After the line containing "from ifc_helpers import", write nothing more; before it, reproduce every line of the material below exactly, starting with the first.

> Extracted data
+ + + + + + +
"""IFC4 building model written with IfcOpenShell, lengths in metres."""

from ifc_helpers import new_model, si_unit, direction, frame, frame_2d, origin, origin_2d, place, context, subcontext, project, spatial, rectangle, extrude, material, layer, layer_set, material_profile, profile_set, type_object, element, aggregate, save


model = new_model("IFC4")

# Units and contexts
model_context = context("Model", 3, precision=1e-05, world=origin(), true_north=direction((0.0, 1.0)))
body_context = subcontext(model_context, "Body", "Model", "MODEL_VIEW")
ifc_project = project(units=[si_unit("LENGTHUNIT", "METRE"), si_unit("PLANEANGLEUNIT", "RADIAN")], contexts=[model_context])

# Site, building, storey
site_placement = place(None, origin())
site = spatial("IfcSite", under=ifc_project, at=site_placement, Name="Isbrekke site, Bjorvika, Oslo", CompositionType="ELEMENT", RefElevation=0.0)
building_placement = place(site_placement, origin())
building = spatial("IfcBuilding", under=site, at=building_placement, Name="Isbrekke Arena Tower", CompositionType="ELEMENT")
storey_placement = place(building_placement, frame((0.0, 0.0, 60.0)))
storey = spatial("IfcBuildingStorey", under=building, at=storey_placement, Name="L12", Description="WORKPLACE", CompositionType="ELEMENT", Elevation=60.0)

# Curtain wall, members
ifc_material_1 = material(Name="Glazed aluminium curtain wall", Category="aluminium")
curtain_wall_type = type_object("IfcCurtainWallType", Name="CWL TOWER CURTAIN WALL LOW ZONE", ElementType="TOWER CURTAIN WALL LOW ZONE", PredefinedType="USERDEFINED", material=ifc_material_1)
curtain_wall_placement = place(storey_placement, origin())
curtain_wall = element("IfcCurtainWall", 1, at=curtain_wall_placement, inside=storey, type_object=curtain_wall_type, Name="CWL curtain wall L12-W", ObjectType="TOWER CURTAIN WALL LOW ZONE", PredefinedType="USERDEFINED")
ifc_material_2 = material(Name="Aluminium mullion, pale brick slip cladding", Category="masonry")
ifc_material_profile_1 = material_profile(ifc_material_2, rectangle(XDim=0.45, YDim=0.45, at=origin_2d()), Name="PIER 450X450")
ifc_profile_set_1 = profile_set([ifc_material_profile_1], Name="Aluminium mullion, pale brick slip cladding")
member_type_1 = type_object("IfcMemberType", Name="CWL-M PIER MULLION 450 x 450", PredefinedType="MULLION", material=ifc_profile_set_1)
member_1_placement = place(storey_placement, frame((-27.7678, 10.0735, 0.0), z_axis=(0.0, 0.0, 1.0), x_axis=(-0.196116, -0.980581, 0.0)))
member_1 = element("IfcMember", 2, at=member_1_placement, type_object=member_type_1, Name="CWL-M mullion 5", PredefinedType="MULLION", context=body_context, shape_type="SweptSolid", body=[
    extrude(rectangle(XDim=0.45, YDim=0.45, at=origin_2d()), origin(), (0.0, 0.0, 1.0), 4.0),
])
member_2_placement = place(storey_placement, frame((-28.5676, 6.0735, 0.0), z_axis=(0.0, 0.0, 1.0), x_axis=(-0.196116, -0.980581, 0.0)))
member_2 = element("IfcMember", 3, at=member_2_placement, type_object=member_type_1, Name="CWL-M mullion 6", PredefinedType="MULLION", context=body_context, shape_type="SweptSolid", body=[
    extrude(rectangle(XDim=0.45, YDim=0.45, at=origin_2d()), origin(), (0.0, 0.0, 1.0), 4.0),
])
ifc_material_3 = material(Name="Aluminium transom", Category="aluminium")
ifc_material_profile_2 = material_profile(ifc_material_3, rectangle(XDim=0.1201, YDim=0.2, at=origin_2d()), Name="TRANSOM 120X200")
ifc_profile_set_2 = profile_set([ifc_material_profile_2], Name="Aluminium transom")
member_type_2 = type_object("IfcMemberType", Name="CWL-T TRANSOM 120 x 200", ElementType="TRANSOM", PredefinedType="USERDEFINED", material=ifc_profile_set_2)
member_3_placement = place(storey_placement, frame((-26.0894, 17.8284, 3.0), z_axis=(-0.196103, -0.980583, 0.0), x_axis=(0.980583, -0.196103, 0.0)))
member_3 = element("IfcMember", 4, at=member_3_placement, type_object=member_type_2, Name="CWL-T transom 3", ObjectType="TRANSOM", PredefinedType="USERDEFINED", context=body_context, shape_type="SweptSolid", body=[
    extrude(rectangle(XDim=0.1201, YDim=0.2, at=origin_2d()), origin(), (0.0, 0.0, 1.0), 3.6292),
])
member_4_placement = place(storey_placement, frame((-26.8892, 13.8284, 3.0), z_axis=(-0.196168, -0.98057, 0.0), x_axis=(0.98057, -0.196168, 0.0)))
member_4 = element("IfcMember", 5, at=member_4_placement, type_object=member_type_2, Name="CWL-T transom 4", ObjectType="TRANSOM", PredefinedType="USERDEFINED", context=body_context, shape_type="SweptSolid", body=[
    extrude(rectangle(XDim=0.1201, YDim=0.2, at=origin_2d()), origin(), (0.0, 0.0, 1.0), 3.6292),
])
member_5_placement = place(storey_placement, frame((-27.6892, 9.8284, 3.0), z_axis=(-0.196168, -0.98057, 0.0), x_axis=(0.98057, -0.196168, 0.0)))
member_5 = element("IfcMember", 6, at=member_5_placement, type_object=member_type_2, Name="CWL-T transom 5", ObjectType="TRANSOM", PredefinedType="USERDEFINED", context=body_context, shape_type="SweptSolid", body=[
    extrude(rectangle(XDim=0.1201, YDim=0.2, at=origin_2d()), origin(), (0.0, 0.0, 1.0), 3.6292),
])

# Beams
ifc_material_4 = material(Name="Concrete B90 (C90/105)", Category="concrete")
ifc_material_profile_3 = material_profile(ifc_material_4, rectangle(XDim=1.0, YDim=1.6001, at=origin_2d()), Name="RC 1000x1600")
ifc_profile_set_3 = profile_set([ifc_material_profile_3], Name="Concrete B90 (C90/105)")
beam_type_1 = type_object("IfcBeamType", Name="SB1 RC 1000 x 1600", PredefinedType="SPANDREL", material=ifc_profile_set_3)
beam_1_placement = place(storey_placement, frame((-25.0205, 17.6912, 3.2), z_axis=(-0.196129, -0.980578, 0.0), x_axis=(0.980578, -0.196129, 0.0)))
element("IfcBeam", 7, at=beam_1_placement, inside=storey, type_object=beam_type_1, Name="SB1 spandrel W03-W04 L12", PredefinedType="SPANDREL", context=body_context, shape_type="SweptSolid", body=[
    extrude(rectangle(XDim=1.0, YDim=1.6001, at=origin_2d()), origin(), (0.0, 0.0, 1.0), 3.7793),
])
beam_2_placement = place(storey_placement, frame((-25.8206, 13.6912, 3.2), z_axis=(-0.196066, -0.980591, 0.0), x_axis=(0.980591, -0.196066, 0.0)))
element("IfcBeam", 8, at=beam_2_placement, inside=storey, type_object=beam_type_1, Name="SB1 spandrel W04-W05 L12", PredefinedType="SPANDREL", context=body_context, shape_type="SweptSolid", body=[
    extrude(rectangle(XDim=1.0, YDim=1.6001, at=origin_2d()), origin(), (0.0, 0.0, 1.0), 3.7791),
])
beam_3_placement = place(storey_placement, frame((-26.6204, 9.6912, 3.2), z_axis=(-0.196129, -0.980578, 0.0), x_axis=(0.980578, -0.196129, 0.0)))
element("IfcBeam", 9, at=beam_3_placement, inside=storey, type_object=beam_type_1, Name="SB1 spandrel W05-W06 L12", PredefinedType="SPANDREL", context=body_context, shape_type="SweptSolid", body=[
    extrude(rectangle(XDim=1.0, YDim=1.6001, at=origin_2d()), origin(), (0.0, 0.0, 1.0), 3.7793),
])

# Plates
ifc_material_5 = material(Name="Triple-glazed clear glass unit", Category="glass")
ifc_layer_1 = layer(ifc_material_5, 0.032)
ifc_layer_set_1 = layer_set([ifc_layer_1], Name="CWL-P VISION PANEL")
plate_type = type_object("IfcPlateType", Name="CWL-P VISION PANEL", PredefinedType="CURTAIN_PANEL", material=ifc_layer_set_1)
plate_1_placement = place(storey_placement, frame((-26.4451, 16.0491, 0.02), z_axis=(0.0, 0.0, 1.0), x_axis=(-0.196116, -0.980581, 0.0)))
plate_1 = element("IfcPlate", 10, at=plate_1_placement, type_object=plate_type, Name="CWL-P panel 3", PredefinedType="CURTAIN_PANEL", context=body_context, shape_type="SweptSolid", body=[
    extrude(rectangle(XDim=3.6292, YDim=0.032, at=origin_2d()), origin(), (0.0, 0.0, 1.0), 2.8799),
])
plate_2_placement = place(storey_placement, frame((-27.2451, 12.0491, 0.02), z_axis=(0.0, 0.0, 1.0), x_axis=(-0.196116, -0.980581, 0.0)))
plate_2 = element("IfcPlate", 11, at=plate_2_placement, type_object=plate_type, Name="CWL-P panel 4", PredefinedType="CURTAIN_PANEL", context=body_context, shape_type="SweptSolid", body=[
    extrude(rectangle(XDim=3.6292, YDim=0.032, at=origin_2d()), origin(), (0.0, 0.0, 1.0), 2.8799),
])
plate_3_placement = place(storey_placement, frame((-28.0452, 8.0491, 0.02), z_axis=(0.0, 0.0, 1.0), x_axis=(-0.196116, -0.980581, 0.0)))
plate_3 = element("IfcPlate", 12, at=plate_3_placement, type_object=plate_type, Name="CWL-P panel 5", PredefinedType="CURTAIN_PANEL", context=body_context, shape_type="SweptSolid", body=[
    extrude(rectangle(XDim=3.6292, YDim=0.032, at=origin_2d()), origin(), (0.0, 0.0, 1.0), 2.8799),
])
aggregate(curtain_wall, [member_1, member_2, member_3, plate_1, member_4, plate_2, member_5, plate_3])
+ + + + + + +
> Answer to the exercise
"""IFC4 building model written with IfcOpenShell, lengths in metres."""

from ifc_helpers import new_model, si_unit, direction, frame, frame_2d, origin, origin_2d, place, context, subcontext, project, spatial, rectangle, extrude, material, layer, layer_set, material_profile, profile_set, type_object, element, aggregate, save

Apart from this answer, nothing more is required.